#### Task to carry out
Report every line of the data that includes "subcontext".

#### Source data
★ ★ ★ ★

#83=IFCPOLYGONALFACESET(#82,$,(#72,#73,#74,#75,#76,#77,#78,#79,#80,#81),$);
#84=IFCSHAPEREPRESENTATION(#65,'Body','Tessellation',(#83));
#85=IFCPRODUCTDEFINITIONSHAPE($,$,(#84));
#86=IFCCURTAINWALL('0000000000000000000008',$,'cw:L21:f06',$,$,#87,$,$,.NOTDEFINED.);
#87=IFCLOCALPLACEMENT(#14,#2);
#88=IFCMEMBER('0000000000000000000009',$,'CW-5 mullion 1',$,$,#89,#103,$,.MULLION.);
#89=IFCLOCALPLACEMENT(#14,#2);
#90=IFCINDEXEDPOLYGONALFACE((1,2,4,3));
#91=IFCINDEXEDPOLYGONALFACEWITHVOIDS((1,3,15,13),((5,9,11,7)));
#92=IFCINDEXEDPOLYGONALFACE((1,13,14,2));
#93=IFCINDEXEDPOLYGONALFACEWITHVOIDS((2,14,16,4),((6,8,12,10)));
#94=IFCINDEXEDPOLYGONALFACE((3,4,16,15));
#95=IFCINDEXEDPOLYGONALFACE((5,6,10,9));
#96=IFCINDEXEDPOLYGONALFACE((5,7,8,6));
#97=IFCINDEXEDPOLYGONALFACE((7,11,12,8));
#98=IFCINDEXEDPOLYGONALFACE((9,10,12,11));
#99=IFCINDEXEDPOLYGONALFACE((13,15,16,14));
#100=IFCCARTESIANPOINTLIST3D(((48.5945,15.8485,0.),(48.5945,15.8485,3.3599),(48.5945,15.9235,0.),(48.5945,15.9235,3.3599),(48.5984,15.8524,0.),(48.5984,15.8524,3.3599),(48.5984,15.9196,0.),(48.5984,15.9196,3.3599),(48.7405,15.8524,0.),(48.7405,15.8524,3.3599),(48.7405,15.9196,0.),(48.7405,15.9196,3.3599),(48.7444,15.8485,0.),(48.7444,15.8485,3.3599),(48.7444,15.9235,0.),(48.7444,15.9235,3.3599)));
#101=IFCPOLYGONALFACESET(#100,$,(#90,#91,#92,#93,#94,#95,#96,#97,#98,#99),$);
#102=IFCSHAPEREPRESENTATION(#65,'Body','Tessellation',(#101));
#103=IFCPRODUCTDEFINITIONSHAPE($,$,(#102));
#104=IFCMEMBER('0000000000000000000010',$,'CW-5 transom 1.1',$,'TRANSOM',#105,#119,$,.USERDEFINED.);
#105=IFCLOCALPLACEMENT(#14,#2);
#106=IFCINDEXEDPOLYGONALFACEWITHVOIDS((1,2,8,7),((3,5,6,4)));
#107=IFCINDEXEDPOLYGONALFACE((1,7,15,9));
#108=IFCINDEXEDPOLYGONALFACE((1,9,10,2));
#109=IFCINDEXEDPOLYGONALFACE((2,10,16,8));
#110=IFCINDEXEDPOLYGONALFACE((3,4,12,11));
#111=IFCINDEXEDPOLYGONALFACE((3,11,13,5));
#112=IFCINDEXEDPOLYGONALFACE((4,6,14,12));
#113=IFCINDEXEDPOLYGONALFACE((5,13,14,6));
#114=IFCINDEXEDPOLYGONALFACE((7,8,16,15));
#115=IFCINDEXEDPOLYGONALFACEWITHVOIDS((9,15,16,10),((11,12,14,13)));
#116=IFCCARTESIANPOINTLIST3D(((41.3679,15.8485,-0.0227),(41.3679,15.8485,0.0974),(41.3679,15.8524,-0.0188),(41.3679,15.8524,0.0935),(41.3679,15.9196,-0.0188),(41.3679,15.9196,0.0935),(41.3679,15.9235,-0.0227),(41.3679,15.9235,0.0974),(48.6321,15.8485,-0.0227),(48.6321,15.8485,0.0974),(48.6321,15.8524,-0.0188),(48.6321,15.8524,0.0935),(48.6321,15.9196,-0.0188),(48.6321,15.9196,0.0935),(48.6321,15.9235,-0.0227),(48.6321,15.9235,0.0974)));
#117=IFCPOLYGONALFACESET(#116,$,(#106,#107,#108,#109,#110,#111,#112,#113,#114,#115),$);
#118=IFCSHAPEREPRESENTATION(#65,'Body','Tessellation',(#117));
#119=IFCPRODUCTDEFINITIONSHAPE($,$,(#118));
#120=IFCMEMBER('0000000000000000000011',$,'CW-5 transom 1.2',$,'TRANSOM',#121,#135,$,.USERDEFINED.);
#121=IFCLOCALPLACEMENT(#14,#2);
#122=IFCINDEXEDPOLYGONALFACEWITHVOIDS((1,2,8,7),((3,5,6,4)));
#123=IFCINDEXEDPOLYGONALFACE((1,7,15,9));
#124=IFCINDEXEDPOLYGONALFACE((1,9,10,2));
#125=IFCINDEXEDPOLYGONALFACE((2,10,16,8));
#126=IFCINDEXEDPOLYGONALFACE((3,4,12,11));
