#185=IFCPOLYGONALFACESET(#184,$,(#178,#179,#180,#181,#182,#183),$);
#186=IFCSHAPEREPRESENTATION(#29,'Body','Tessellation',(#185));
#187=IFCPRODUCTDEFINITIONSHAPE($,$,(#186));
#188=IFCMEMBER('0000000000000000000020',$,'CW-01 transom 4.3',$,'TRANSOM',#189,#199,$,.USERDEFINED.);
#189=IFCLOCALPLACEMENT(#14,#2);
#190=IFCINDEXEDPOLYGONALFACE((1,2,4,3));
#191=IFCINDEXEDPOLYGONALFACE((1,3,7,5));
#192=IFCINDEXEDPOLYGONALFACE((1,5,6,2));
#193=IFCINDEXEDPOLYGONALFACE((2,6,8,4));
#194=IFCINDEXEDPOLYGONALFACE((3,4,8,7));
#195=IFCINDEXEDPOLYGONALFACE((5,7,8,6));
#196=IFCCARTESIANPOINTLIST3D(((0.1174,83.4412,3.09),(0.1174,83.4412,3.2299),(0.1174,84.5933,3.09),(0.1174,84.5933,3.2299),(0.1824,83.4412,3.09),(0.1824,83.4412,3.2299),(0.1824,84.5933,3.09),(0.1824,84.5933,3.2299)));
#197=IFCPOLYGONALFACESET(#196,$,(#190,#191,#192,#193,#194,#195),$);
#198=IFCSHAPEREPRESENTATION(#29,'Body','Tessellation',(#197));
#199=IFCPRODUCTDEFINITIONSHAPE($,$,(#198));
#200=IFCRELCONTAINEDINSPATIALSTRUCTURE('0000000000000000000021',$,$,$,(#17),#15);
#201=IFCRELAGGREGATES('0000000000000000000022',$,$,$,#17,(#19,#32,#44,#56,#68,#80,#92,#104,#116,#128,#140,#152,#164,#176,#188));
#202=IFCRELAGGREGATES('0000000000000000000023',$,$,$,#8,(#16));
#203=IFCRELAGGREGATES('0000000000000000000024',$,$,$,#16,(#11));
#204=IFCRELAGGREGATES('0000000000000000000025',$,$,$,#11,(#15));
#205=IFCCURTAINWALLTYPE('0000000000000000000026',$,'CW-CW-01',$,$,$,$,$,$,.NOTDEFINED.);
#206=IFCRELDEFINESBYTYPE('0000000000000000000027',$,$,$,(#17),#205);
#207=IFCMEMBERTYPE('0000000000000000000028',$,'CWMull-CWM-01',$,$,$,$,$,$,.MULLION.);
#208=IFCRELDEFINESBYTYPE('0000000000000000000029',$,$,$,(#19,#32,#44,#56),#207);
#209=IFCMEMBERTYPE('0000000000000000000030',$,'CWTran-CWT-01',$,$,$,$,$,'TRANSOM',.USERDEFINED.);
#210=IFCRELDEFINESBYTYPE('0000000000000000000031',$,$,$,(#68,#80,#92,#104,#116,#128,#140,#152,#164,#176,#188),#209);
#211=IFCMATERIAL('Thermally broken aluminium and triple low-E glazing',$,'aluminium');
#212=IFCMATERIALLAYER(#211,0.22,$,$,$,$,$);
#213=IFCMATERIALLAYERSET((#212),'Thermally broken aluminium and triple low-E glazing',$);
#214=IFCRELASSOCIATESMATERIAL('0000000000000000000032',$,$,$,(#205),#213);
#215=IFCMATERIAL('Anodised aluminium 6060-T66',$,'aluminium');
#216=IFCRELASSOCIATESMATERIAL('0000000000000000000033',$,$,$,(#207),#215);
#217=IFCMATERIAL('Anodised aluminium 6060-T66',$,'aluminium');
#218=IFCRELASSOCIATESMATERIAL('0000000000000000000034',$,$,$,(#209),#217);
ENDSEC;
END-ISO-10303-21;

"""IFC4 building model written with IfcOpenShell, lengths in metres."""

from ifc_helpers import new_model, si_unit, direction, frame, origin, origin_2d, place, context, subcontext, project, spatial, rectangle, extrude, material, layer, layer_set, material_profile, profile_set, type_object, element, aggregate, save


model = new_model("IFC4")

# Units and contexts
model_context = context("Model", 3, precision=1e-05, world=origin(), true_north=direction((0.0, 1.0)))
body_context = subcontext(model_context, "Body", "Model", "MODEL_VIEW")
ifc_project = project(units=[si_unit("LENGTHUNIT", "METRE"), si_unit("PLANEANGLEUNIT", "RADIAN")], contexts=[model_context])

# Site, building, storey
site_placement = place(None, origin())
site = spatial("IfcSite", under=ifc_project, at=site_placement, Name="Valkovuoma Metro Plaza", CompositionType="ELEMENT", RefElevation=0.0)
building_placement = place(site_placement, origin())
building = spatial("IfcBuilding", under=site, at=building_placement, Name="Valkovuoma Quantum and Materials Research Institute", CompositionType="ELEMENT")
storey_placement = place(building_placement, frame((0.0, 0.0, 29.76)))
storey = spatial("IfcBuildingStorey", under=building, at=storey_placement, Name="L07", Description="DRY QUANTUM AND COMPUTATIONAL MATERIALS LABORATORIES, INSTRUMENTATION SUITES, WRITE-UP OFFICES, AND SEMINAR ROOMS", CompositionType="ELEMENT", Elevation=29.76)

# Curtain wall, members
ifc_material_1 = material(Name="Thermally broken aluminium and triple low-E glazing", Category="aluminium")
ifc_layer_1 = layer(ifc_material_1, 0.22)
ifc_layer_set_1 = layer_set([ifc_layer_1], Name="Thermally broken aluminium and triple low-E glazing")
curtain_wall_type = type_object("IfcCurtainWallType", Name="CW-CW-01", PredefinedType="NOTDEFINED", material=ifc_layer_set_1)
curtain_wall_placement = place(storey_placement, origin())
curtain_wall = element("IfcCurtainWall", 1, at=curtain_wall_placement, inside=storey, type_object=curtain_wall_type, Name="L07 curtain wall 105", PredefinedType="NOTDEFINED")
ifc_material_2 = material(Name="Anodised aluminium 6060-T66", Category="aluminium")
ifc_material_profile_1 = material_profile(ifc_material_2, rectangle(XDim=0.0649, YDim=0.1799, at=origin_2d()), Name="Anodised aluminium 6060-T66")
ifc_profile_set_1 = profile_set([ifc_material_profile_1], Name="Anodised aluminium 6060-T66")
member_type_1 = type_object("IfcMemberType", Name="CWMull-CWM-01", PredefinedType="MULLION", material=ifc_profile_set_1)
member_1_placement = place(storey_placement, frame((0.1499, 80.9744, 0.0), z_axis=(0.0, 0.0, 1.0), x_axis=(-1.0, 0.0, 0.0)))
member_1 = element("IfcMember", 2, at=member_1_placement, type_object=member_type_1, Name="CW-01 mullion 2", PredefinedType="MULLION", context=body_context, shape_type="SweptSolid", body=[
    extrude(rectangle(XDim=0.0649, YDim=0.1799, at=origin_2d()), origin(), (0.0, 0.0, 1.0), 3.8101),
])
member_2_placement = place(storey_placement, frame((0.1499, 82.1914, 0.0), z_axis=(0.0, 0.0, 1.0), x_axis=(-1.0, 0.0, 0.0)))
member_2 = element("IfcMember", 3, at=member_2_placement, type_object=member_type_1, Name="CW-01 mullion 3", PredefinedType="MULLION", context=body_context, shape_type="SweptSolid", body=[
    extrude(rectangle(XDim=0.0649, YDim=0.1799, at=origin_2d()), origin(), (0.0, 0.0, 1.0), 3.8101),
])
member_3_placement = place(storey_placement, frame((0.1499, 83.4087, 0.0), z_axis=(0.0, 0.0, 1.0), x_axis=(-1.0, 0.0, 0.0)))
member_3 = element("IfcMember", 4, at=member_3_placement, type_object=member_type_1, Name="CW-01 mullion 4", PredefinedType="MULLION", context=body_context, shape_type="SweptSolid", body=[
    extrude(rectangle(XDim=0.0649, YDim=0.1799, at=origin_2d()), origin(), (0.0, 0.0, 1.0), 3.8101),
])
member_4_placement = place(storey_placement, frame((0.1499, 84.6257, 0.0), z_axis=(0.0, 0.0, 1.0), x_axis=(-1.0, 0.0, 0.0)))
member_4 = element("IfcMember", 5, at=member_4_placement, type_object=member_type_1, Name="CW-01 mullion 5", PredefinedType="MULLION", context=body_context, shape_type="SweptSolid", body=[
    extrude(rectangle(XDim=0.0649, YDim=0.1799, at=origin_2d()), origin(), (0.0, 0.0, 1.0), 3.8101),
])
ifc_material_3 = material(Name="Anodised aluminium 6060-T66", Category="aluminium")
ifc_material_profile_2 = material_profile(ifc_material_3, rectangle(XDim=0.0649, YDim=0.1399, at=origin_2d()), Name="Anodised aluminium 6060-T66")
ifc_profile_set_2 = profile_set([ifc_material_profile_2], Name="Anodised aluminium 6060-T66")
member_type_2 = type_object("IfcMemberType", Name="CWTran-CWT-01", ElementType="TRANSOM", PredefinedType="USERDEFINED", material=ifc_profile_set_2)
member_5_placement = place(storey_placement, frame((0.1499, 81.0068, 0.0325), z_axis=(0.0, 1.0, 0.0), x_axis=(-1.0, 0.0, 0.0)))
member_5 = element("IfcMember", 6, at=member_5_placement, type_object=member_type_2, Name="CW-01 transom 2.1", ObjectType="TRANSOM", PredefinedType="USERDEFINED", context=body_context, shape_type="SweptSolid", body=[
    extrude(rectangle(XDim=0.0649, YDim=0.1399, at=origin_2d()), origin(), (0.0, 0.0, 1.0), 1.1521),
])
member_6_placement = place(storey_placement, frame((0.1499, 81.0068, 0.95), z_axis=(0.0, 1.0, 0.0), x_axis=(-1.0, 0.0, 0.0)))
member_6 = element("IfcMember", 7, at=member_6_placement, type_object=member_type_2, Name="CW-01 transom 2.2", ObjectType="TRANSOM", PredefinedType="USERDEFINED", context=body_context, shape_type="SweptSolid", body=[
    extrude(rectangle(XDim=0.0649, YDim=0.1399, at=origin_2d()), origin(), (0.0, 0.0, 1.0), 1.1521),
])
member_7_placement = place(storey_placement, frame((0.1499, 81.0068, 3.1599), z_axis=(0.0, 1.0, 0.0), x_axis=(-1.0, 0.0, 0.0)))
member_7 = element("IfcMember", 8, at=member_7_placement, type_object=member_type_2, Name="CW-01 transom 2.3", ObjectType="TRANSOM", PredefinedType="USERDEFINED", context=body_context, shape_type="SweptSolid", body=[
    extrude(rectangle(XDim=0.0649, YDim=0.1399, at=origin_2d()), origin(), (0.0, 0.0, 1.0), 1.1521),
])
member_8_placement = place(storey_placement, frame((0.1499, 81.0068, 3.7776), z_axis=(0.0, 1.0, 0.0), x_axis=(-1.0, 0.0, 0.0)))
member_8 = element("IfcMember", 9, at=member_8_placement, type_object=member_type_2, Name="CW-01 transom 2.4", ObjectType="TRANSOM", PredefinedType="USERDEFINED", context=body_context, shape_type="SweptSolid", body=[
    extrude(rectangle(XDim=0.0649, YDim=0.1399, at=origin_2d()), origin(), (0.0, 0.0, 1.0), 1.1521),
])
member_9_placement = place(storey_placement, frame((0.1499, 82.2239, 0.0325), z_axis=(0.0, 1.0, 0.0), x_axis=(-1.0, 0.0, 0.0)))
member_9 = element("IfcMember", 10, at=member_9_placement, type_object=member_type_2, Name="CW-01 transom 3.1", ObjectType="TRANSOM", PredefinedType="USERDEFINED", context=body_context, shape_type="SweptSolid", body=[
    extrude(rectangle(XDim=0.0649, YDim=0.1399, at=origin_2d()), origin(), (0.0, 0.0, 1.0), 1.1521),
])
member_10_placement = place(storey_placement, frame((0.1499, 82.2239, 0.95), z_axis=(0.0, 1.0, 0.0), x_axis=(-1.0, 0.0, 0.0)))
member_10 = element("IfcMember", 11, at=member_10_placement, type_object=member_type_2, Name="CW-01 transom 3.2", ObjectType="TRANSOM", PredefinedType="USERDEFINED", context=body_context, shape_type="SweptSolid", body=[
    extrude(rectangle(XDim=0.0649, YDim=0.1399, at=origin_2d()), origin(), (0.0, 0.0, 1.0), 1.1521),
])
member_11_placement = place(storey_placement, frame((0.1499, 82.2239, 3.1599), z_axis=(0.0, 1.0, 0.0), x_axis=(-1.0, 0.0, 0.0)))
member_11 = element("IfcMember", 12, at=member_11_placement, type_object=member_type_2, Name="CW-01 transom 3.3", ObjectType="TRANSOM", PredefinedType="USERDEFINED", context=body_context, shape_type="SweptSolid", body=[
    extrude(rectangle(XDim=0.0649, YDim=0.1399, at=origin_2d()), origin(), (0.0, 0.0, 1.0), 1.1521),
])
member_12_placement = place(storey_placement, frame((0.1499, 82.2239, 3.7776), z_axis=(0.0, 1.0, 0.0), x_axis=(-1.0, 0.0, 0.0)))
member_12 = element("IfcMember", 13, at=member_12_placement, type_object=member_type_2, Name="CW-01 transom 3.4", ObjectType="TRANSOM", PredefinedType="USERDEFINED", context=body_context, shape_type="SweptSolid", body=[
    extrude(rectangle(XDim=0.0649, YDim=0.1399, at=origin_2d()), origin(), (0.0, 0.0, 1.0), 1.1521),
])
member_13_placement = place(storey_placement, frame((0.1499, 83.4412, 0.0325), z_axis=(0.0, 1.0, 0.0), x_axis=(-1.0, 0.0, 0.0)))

★ ★ ★ ★

#### Solution for this problem
from ifc_helpers import new_model, si_unit, direction, frame, origin, origin_2d, place, context, subcontext, project, spatial, rectangle, extrude, material, layer, layer_set, material_profile, profile_set, type_object, element, aggregate, save
body_context = subcontext(model_context, "Body", "Model", "MODEL_VIEW")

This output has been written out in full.